--- Records Enclosed Below ---

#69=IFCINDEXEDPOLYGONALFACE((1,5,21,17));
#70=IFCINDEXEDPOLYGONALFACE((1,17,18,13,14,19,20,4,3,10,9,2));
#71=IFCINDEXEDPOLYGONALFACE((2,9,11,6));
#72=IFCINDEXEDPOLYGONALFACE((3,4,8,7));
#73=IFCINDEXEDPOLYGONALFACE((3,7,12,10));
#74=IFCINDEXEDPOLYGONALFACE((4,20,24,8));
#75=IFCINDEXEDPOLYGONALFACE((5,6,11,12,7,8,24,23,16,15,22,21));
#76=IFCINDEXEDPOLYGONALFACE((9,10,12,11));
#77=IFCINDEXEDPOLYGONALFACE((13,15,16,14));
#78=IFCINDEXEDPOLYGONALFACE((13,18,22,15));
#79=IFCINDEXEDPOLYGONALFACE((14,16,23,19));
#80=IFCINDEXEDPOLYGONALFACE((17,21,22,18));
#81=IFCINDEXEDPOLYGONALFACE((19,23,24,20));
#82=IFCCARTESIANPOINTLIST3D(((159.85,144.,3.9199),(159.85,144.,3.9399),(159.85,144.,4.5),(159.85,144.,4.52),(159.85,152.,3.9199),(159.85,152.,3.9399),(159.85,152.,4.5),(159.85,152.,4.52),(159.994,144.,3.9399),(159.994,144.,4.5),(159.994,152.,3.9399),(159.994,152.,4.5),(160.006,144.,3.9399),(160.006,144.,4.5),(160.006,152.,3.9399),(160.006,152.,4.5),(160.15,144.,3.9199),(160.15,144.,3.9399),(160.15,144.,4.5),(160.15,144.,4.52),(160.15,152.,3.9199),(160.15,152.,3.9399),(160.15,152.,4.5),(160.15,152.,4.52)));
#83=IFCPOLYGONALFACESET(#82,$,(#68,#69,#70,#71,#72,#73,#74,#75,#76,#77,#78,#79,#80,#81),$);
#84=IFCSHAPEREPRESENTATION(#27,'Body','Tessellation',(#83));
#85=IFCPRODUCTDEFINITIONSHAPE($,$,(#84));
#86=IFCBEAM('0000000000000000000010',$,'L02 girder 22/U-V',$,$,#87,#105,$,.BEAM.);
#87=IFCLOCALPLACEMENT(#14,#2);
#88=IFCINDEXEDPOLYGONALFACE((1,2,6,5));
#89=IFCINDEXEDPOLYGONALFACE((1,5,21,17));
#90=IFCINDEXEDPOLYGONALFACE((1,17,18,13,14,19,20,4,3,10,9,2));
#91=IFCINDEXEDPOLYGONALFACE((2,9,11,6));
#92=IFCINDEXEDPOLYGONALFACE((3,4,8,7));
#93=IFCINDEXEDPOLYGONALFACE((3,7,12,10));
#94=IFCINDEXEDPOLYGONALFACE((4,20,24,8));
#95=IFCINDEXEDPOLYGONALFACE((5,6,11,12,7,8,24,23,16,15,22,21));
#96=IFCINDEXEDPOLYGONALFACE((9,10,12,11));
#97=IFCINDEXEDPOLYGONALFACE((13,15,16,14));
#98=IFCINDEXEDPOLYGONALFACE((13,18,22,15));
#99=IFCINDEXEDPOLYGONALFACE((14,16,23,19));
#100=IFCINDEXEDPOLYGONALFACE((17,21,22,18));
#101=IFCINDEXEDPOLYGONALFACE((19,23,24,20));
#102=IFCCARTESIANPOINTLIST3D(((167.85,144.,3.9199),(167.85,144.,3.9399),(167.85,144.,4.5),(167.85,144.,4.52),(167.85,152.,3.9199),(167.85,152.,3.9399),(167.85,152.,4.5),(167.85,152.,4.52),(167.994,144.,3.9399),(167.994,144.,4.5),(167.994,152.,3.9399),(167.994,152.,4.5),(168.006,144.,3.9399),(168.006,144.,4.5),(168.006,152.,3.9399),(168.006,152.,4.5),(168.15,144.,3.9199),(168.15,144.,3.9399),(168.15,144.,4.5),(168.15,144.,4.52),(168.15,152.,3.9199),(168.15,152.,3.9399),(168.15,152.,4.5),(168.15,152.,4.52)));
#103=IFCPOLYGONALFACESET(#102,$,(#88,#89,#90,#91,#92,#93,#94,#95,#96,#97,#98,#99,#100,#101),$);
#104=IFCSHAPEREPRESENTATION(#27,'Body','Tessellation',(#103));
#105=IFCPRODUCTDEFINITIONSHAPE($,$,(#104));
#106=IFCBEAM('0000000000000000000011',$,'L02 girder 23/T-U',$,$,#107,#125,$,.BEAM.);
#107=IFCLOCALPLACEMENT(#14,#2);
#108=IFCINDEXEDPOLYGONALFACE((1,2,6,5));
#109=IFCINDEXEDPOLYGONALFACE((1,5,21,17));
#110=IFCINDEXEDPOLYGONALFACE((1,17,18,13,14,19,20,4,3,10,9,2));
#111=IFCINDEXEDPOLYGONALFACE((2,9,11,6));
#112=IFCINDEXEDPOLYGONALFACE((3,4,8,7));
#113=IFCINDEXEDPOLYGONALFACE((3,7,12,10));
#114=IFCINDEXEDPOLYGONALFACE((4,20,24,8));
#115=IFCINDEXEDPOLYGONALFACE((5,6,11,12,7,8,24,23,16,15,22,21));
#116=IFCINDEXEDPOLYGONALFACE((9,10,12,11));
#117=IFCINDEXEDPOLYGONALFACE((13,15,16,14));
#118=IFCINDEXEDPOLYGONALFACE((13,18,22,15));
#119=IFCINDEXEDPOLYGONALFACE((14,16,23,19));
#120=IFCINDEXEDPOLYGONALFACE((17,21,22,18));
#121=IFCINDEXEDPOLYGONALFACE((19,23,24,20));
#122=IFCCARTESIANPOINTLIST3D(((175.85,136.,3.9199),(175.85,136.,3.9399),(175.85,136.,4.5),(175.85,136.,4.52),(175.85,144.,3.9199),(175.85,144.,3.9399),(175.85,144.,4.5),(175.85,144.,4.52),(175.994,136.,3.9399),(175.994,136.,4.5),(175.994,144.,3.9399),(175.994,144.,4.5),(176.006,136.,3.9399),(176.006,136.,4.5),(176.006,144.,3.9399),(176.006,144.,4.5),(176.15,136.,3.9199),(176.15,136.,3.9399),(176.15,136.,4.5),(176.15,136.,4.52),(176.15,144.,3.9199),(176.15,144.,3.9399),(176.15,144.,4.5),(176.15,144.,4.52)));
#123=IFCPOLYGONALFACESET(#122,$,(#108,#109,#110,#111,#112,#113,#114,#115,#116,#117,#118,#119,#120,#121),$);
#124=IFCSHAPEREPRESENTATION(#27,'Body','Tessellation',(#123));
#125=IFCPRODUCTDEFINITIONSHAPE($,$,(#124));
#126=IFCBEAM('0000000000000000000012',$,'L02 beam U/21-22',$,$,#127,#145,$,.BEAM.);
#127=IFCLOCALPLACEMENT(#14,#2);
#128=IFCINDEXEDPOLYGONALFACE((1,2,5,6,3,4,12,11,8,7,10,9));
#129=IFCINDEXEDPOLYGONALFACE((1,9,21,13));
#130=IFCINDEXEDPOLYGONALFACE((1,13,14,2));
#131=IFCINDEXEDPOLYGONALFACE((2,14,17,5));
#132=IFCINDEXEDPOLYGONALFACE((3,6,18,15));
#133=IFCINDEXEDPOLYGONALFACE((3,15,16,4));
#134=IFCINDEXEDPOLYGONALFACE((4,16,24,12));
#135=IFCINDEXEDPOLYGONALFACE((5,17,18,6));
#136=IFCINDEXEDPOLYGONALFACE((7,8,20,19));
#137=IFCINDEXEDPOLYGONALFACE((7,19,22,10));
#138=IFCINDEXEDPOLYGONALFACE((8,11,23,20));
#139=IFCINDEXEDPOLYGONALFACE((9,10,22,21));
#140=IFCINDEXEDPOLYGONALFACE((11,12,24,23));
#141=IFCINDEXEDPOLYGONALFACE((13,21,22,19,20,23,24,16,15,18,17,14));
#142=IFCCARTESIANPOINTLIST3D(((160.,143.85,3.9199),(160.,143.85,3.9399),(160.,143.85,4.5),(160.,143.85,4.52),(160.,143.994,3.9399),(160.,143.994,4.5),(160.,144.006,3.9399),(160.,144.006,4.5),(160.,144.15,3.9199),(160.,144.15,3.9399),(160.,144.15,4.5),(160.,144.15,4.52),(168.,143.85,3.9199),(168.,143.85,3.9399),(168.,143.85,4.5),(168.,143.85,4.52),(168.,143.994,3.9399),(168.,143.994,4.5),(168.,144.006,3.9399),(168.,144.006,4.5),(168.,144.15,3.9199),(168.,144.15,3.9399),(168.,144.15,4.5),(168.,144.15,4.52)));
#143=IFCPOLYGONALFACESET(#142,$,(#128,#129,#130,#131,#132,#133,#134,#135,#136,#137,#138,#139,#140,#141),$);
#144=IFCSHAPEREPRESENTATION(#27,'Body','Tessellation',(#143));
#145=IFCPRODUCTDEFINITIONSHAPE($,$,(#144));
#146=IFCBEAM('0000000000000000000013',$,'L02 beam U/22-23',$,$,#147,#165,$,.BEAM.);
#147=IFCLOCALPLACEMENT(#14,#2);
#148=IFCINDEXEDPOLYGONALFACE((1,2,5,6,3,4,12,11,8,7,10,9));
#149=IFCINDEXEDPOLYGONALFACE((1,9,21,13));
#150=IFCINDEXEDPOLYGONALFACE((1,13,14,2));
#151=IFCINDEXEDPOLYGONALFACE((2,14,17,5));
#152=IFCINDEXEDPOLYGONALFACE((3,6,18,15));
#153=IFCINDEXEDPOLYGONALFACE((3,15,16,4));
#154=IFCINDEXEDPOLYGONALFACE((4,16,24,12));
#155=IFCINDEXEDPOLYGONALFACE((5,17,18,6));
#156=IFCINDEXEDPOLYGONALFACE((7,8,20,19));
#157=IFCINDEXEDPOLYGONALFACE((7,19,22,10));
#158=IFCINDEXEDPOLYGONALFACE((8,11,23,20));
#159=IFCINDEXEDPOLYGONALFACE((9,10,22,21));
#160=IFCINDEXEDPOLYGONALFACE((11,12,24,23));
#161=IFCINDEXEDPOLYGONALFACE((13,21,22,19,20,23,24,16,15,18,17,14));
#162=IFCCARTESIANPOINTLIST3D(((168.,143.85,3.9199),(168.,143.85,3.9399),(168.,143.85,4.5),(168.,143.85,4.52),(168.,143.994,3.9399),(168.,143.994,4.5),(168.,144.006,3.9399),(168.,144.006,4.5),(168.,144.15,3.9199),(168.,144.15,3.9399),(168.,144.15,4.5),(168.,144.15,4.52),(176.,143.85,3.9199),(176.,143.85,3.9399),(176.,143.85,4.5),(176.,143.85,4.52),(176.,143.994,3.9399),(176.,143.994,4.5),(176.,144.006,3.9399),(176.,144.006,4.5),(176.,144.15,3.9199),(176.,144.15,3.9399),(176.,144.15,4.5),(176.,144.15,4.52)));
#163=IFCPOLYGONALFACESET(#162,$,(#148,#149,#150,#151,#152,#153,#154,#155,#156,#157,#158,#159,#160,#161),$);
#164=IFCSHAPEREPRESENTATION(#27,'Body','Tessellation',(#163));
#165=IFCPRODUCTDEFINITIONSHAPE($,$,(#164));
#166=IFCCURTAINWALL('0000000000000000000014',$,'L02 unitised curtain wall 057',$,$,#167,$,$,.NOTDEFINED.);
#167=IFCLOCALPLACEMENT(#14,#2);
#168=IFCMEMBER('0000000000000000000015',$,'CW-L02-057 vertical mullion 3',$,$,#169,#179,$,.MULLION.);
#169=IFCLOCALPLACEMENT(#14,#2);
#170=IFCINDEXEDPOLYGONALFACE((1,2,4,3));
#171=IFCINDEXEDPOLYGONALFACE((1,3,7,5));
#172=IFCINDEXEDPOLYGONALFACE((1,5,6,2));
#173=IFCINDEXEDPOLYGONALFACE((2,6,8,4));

--- End of Enclosed Records ---
--- Records Enclosed Below ---

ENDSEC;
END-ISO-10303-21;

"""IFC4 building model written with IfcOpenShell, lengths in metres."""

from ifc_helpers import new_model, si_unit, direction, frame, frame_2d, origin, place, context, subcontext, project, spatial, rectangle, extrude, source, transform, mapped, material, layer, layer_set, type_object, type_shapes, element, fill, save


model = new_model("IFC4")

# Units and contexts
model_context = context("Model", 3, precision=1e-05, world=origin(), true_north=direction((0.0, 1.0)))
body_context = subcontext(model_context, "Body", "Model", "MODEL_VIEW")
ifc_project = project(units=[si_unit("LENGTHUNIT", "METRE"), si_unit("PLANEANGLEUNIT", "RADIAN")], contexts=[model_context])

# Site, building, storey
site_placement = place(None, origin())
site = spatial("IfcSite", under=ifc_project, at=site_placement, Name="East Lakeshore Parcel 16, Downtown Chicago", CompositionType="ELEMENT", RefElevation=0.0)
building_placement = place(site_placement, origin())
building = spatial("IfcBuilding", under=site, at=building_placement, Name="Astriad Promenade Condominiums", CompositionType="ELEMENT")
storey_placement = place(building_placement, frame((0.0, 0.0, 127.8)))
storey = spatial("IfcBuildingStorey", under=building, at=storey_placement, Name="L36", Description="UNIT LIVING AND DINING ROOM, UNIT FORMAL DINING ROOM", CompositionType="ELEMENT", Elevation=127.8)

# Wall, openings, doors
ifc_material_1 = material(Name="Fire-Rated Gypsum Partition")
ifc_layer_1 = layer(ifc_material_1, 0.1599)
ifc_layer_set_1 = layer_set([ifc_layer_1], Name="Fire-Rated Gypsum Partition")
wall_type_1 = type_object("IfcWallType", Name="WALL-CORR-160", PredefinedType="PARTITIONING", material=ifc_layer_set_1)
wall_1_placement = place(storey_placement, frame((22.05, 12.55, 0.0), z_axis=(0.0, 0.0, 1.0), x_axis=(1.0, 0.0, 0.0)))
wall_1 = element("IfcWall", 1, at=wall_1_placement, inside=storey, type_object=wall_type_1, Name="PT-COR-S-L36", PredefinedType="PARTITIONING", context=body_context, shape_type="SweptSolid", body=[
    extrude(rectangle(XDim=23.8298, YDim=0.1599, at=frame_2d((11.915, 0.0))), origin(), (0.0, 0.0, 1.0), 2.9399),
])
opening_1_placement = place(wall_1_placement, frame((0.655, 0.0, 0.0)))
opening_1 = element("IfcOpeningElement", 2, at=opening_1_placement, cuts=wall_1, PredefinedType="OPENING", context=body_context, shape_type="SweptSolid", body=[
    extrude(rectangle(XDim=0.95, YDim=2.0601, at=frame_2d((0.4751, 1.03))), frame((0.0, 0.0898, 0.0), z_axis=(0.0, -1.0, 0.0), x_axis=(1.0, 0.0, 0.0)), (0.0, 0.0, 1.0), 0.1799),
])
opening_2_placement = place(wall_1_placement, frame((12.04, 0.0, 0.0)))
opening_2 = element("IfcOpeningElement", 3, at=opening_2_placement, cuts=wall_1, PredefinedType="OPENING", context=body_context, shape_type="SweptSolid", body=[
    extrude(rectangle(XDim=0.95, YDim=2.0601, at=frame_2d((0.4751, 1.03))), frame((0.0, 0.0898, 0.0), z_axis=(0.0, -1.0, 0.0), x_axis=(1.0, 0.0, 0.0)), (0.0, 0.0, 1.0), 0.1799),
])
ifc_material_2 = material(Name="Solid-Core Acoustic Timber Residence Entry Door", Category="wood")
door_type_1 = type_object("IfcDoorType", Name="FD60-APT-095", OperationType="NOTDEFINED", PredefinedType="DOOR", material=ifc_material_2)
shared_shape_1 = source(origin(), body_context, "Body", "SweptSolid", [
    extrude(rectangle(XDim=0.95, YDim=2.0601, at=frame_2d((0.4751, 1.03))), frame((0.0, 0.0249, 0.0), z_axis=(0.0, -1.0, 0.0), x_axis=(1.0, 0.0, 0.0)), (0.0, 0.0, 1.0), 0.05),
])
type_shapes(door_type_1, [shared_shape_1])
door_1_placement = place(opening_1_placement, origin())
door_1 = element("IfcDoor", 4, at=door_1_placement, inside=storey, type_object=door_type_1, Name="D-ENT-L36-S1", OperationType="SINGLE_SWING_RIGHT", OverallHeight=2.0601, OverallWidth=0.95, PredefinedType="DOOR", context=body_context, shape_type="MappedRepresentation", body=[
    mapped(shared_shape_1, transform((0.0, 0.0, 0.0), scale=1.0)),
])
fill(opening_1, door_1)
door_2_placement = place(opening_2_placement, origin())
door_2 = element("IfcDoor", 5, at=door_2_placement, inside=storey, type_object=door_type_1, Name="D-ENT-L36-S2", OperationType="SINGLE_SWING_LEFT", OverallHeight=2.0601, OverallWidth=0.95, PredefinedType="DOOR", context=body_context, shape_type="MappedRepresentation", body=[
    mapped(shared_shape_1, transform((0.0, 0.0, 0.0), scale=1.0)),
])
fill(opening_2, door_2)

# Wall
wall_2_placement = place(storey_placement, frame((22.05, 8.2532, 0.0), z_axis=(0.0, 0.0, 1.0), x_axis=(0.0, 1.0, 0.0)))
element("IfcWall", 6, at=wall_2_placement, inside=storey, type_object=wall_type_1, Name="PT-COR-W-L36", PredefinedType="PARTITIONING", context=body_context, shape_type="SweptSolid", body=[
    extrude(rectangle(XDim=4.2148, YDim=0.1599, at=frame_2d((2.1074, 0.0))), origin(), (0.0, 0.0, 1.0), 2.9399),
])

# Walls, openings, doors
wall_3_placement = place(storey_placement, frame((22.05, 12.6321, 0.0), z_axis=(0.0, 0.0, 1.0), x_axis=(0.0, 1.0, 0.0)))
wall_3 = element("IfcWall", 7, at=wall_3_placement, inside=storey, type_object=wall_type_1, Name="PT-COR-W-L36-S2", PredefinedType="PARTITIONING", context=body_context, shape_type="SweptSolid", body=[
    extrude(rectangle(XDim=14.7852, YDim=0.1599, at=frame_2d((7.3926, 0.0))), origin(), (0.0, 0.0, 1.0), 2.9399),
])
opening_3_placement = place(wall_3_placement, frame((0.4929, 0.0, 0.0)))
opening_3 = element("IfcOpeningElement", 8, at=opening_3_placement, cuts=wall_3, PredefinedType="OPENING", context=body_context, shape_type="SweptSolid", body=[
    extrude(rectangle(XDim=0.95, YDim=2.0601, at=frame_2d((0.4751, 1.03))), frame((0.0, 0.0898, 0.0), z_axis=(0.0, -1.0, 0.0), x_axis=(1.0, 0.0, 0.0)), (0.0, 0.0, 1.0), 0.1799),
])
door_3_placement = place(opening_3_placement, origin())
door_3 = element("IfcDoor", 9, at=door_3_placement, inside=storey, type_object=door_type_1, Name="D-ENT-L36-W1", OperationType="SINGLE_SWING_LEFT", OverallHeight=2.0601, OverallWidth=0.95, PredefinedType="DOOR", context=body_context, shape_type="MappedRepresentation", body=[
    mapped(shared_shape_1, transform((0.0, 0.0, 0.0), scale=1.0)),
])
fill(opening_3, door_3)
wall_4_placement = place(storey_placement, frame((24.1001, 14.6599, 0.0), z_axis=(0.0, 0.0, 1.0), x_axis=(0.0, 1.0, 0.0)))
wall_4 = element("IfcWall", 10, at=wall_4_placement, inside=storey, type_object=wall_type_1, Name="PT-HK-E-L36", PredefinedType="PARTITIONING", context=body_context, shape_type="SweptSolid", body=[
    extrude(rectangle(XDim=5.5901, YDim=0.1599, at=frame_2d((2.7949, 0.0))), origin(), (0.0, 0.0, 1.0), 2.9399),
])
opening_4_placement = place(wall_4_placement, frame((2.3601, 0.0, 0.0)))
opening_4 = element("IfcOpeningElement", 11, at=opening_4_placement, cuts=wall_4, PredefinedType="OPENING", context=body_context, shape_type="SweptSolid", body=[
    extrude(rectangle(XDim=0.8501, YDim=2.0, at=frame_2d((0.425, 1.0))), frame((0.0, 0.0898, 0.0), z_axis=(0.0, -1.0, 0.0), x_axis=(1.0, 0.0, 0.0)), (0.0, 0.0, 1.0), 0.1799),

--- End of Enclosed Records ---

Your task → One stretch of the lines above is wanted, from the line that contains "#69=IFCINDEXEDPOLYGONALFACE((1,5,21,17));" through the line that contains "#101=IFCINDEXEDPOLYGONALFACE((19,23,24,20));". Output it exactly.

Exercise result →
#69=IFCINDEXEDPOLYGONALFACE((1,5,21,17));
#70=IFCINDEXEDPOLYGONALFACE((1,17,18,13,14,19,20,4,3,10,9,2));
#71=IFCINDEXEDPOLYGONALFACE((2,9,11,6));
#72=IFCINDEXEDPOLYGONALFACE((3,4,8,7));
#73=IFCINDEXEDPOLYGONALFACE((3,7,12,10));
#74=IFCINDEXEDPOLYGONALFACE((4,20,24,8));
#75=IFCINDEXEDPOLYGONALFACE((5,6,11,12,7,8,24,23,16,15,22,21));
#76=IFCINDEXEDPOLYGONALFACE((9,10,12,11));
#77=IFCINDEXEDPOLYGONALFACE((13,15,16,14));
#78=IFCINDEXEDPOLYGONALFACE((13,18,22,15));
#79=IFCINDEXEDPOLYGONALFACE((14,16,23,19));
#80=IFCINDEXEDPOLYGONALFACE((17,21,22,18));
#81=IFCINDEXEDPOLYGONALFACE((19,23,24,20));
#82=IFCCARTESIANPOINTLIST3D(((159.85,144.,3.9199),(159.85,144.,3.9399),(159.85,144.,4.5),(159.85,144.,4.52),(159.85,152.,3.9199),(159.85,152.,3.9399),(159.85,152.,4.5),(159.85,152.,4.52),(159.994,144.,3.9399),(159.994,144.,4.5),(159.994,152.,3.9399),(159.994,152.,4.5),(160.006,144.,3.9399),(160.006,144.,4.5),(160.006,152.,3.9399),(160.006,152.,4.5),(160.15,144.,3.9199),(160.15,144.,3.9399),(160.15,144.,4.5),(160.15,144.,4.52),(160.15,152.,3.9199),(160.15,152.,3.9399),(160.15,152.,4.5),(160.15,152.,4.52)));
#83=IFCPOLYGONALFACESET(#82,$,(#68,#69,#70,#71,#72,#73,#74,#75,#76,#77,#78,#79,#80,#81),$);
#84=IFCSHAPEREPRESENTATION(#27,'Body','Tessellation',(#83));
#85=IFCPRODUCTDEFINITIONSHAPE($,$,(#84));
#86=IFCBEAM('0000000000000000000010',$,'L02 girder 22/U-V',$,$,#87,#105,$,.BEAM.);
#87=IFCLOCALPLACEMENT(#14,#2);
#88=IFCINDEXEDPOLYGONALFACE((1,2,6,5));
#89=IFCINDEXEDPOLYGONALFACE((1,5,21,17));
#90=IFCINDEXEDPOLYGONALFACE((1,17,18,13,14,19,20,4,3,10,9,2));
#91=IFCINDEXEDPOLYGONALFACE((2,9,11,6));
#92=IFCINDEXEDPOLYGONALFACE((3,4,8,7));
#93=IFCINDEXEDPOLYGONALFACE((3,7,12,10));
#94=IFCINDEXEDPOLYGONALFACE((4,20,24,8));
#95=IFCINDEXEDPOLYGONALFACE((5,6,11,12,7,8,24,23,16,15,22,21));
#96=IFCINDEXEDPOLYGONALFACE((9,10,12,11));
#97=IFCINDEXEDPOLYGONALFACE((13,15,16,14));
#98=IFCINDEXEDPOLYGONALFACE((13,18,22,15));
#99=IFCINDEXEDPOLYGONALFACE((14,16,23,19));
#100=IFCINDEXEDPOLYGONALFACE((17,21,22,18));
#101=IFCINDEXEDPOLYGONALFACE((19,23,24,20));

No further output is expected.